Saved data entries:
___
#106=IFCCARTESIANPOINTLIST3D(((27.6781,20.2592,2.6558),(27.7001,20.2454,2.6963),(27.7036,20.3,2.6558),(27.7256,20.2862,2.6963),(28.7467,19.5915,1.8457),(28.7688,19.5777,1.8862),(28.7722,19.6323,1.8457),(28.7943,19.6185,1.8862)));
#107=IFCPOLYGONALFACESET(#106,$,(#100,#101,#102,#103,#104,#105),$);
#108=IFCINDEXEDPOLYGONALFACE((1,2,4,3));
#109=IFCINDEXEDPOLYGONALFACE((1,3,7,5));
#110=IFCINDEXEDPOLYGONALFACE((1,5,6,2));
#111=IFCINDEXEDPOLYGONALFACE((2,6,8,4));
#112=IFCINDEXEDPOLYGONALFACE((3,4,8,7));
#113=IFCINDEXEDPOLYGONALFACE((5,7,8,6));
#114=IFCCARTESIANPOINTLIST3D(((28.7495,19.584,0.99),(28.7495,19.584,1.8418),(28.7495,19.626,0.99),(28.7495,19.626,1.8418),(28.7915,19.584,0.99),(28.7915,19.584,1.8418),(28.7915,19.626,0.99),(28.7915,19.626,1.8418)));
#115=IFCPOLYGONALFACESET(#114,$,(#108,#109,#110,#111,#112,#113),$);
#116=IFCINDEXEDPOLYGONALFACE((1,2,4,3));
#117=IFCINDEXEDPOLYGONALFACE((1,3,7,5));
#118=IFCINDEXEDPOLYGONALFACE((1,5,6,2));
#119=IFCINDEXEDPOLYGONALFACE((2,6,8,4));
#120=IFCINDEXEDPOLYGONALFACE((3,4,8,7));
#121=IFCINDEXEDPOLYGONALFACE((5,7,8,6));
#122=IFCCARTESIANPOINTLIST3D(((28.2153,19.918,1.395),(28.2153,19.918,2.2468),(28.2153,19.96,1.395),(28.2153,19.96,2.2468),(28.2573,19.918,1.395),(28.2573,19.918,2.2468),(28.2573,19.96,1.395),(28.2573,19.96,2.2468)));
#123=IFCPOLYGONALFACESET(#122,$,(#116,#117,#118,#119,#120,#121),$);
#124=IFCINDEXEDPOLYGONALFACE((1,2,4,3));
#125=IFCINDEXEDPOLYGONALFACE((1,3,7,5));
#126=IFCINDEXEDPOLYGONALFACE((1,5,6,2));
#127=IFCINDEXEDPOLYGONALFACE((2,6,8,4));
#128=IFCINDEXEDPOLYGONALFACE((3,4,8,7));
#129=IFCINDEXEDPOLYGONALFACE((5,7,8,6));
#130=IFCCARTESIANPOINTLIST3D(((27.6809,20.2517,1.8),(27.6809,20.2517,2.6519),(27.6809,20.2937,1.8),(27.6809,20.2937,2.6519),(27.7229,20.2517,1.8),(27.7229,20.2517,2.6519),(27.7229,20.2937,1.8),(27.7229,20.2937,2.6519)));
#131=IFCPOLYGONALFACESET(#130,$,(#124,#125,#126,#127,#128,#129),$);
___
[TASK DETAILS] Your answer should be exactly the lines of the data above, from the first through the line containing "#129=IFCINDEXEDPOLYGONALFACE((5,7,8,6));".

[RESULT FOR THIS TASK]
#106=IFCCARTESIANPOINTLIST3D(((27.6781,20.2592,2.6558),(27.7001,20.2454,2.6963),(27.7036,20.3,2.6558),(27.7256,20.2862,2.6963),(28.7467,19.5915,1.8457),(28.7688,19.5777,1.8862),(28.7722,19.6323,1.8457),(28.7943,19.6185,1.8862)));
#107=IFCPOLYGONALFACESET(#106,$,(#100,#101,#102,#103,#104,#105),$);
#108=IFCINDEXEDPOLYGONALFACE((1,2,4,3));
#109=IFCINDEXEDPOLYGONALFACE((1,3,7,5));
#110=IFCINDEXEDPOLYGONALFACE((1,5,6,2));
#111=IFCINDEXEDPOLYGONALFACE((2,6,8,4));
#112=IFCINDEXEDPOLYGONALFACE((3,4,8,7));
#113=IFCINDEXEDPOLYGONALFACE((5,7,8,6));
#114=IFCCARTESIANPOINTLIST3D(((28.7495,19.584,0.99),(28.7495,19.584,1.8418),(28.7495,19.626,0.99),(28.7495,19.626,1.8418),(28.7915,19.584,0.99),(28.7915,19.584,1.8418),(28.7915,19.626,0.99),(28.7915,19.626,1.8418)));
#115=IFCPOLYGONALFACESET(#114,$,(#108,#109,#110,#111,#112,#113),$);
#116=IFCINDEXEDPOLYGONALFACE((1,2,4,3));
#117=IFCINDEXEDPOLYGONALFACE((1,3,7,5));
#118=IFCINDEXEDPOLYGONALFACE((1,5,6,2));
#119=IFCINDEXEDPOLYGONALFACE((2,6,8,4));
#120=IFCINDEXEDPOLYGONALFACE((3,4,8,7));
#121=IFCINDEXEDPOLYGONALFACE((5,7,8,6));
#122=IFCCARTESIANPOINTLIST3D(((28.2153,19.918,1.395),(28.2153,19.918,2.2468),(28.2153,19.96,1.395),(28.2153,19.96,2.2468),(28.2573,19.918,1.395),(28.2573,19.918,2.2468),(28.2573,19.96,1.395),(28.2573,19.96,2.2468)));
#123=IFCPOLYGONALFACESET(#122,$,(#116,#117,#118,#119,#120,#121),$);
#124=IFCINDEXEDPOLYGONALFACE((1,2,4,3));
#125=IFCINDEXEDPOLYGONALFACE((1,3,7,5));
#126=IFCINDEXEDPOLYGONALFACE((1,5,6,2));
#127=IFCINDEXEDPOLYGONALFACE((2,6,8,4));
#128=IFCINDEXEDPOLYGONALFACE((3,4,8,7));
#129=IFCINDEXEDPOLYGONALFACE((5,7,8,6));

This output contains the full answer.